What you should do: Below are some records. Copy every line in them that holds "save".
(Information begins)
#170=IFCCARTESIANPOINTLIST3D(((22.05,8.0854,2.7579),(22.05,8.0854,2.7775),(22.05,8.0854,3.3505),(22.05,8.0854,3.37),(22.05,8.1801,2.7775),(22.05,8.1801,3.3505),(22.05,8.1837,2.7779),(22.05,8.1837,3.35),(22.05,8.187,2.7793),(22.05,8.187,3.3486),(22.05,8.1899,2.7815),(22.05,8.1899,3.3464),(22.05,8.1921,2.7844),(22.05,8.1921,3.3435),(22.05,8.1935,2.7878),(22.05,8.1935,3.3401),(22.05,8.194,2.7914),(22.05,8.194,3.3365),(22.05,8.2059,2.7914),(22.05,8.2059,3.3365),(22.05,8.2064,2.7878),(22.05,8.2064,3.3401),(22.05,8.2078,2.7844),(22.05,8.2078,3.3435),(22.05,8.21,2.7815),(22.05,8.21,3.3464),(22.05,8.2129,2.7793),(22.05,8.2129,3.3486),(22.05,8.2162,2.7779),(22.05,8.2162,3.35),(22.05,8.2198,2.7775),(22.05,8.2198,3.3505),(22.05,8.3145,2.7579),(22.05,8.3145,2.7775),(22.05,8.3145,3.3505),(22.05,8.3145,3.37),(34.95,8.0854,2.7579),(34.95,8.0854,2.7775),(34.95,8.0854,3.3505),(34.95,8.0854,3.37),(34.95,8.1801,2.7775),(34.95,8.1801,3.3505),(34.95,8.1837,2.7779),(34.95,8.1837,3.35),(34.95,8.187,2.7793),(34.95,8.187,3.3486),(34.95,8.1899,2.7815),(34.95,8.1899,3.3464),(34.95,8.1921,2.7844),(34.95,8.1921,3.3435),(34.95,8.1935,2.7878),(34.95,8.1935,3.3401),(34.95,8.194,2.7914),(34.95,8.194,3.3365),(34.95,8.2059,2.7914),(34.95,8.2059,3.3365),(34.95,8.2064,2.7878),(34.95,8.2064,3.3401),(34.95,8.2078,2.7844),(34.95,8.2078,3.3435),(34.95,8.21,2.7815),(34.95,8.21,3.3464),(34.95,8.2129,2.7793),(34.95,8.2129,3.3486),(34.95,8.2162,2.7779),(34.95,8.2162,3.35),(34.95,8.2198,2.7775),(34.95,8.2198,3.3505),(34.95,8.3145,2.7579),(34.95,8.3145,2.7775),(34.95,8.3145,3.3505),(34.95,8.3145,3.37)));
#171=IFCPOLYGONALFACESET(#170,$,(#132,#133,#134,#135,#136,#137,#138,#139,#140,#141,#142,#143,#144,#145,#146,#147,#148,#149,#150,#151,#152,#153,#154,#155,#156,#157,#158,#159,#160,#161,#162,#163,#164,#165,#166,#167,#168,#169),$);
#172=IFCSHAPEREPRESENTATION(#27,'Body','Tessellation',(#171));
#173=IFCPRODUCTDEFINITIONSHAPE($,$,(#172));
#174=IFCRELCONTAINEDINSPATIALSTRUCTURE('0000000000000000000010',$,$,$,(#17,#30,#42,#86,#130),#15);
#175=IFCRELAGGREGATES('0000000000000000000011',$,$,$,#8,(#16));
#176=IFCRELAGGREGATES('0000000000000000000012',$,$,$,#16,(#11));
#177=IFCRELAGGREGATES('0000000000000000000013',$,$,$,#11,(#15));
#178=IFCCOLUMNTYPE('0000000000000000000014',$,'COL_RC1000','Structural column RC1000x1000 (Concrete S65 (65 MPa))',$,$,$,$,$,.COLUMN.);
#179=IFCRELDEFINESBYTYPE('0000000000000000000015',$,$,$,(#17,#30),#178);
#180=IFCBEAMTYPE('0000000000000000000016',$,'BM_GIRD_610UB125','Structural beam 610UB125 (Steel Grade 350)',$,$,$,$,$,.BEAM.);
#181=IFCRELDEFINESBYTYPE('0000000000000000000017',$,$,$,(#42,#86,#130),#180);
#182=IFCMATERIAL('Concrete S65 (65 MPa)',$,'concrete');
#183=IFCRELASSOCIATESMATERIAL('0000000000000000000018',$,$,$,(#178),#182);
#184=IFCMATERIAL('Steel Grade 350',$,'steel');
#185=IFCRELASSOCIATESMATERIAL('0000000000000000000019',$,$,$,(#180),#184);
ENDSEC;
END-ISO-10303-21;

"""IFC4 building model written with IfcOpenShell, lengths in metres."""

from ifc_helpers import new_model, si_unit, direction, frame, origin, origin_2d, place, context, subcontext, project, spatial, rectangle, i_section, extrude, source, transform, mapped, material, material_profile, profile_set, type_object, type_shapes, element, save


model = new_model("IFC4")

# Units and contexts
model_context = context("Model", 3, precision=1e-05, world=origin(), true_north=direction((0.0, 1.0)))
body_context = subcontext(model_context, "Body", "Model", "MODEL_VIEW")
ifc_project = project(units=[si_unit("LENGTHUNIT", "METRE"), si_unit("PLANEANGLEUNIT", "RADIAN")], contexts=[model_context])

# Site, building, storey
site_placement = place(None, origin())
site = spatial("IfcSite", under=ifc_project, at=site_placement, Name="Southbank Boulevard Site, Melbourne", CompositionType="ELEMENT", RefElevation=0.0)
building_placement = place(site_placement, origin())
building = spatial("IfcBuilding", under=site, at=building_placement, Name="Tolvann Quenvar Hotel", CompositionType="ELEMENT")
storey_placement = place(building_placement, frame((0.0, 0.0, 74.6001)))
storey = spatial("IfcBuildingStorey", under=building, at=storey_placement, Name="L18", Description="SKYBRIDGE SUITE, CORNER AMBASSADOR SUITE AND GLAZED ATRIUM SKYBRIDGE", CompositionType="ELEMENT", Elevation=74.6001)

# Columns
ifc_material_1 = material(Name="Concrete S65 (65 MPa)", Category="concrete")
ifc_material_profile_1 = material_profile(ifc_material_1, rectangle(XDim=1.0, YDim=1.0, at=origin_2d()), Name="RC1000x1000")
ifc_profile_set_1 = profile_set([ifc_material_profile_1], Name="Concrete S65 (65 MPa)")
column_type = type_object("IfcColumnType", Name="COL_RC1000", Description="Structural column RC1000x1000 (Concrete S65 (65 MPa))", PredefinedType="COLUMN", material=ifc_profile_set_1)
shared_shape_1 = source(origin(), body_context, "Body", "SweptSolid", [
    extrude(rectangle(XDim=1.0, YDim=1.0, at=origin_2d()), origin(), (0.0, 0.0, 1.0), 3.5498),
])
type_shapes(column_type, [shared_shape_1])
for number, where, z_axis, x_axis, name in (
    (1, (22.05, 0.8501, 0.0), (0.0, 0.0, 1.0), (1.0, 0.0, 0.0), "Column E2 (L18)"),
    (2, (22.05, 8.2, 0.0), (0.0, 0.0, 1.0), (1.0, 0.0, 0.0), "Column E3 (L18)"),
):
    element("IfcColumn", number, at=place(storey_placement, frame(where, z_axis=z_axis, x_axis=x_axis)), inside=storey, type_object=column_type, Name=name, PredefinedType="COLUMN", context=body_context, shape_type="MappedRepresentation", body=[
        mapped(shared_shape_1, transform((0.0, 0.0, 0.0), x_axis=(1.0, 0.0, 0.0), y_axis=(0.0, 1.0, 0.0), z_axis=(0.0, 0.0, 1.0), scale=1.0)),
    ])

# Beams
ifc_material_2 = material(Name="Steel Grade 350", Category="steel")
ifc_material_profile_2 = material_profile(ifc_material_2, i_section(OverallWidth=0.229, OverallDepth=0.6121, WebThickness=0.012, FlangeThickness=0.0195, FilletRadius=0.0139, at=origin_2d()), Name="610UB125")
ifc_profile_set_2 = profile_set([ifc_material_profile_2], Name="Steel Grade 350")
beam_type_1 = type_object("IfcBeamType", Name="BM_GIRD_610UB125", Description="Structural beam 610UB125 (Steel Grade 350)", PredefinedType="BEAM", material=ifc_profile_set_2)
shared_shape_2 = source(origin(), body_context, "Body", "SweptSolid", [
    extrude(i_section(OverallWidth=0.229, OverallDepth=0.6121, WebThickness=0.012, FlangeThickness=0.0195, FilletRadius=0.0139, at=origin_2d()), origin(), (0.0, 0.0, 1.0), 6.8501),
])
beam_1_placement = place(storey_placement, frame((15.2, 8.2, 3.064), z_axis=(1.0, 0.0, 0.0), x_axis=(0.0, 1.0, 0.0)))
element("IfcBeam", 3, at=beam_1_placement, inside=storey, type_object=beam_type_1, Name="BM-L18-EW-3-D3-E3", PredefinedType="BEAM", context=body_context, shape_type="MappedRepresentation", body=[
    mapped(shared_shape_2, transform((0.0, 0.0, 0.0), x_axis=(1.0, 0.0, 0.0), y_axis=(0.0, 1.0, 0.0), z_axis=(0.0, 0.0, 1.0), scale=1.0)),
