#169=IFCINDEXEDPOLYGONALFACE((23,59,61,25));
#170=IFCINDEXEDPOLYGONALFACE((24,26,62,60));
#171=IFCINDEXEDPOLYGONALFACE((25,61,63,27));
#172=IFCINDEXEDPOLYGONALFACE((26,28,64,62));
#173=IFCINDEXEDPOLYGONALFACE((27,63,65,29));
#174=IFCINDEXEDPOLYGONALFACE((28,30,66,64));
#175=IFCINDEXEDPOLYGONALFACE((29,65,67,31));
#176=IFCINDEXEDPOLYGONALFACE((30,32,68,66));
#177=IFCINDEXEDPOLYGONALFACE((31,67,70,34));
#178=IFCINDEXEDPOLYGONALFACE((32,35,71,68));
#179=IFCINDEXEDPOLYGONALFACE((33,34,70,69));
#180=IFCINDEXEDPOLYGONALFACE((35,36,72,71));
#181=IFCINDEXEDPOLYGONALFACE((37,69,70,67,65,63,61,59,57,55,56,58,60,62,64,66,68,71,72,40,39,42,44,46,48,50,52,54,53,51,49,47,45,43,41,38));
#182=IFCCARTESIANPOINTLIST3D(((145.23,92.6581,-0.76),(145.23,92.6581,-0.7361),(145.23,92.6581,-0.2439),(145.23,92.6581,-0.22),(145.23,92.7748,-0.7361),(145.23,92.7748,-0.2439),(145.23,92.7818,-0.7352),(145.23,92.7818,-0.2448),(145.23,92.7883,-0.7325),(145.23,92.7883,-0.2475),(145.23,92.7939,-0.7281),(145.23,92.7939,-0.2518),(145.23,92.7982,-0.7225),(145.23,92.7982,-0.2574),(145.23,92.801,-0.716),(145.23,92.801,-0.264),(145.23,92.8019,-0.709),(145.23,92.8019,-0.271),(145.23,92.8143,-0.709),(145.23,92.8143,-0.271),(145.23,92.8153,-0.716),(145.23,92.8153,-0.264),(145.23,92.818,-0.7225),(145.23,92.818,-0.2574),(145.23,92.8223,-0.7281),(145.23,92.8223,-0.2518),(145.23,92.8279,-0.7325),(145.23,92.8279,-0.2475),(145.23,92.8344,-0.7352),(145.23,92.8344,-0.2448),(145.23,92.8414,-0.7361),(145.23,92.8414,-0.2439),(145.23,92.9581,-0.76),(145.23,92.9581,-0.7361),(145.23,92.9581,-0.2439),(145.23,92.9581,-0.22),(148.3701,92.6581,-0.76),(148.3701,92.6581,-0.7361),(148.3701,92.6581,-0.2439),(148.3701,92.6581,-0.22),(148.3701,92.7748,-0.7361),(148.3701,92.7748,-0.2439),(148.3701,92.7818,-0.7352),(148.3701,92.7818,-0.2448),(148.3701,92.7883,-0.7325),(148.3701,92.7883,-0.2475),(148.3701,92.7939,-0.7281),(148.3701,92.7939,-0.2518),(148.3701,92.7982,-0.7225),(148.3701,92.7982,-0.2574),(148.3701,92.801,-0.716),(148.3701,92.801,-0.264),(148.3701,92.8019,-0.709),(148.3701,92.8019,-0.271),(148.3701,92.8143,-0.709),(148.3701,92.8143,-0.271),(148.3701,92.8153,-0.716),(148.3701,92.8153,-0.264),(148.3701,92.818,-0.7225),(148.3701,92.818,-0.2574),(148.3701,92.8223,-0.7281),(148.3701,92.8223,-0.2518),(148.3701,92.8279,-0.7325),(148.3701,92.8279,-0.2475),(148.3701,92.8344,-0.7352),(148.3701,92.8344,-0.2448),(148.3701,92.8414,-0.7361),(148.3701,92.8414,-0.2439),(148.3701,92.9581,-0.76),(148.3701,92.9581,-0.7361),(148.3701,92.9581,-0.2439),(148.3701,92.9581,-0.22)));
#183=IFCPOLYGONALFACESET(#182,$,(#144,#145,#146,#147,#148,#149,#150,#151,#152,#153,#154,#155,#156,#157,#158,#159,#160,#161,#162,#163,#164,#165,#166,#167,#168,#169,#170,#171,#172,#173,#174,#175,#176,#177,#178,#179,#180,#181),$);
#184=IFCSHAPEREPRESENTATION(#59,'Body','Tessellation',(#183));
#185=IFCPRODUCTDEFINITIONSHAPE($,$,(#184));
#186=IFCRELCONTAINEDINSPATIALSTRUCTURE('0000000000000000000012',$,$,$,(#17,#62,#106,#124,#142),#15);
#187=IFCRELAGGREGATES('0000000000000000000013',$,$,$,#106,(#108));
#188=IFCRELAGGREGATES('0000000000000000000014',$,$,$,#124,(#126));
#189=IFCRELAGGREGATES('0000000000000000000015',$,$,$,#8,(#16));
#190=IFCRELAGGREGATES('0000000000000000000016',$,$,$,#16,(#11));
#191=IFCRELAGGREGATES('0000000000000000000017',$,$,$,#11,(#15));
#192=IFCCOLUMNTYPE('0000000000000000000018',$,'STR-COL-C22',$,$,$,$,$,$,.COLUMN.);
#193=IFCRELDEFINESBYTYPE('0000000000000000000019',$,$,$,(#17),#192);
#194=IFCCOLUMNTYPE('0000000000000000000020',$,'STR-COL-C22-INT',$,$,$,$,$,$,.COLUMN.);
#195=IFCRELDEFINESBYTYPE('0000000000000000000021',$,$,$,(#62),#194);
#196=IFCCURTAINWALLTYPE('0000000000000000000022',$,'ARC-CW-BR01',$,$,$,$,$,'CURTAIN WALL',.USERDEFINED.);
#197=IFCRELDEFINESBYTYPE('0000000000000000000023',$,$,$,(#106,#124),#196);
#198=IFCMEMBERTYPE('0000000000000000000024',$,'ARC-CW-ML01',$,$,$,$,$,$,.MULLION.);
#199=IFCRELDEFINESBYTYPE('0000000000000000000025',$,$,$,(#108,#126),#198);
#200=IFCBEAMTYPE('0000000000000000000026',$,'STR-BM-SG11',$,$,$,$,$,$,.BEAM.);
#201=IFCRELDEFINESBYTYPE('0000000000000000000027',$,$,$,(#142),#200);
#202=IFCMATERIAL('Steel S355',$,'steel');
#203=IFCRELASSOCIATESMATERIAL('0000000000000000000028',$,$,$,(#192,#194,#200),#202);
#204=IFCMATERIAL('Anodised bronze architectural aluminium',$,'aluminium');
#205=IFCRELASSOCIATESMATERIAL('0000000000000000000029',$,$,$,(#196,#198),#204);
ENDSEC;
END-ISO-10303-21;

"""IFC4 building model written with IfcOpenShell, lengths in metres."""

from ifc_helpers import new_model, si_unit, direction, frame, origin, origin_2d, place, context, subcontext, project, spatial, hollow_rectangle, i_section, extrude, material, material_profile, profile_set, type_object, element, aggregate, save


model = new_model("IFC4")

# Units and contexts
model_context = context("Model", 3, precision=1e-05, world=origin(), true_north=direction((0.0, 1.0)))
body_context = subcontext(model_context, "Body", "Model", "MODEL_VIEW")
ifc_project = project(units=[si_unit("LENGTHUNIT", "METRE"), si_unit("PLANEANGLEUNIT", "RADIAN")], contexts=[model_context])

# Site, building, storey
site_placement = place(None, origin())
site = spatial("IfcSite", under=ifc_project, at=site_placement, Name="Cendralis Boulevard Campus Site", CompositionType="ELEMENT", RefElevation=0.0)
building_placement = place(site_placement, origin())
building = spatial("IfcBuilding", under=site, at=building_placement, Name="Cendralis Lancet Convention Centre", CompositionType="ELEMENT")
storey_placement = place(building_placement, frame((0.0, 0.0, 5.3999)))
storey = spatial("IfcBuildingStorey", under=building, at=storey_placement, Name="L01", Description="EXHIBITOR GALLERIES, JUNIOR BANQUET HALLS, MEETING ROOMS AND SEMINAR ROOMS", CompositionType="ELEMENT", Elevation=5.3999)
(Information ends)
Task answer:
from ifc_helpers import new_model, si_unit, direction, frame, origin, origin_2d, place, context, subcontext, project, spatial, rectangle, i_section, extrude, source, transform, mapped, material, material_profile, profile_set, type_object, type_shapes, element, save
from ifc_helpers import new_model, si_unit, direction, frame, origin, origin_2d, place, context, subcontext, project, spatial, hollow_rectangle, i_section, extrude, material, material_profile, profile_set, type_object, element, aggregate, save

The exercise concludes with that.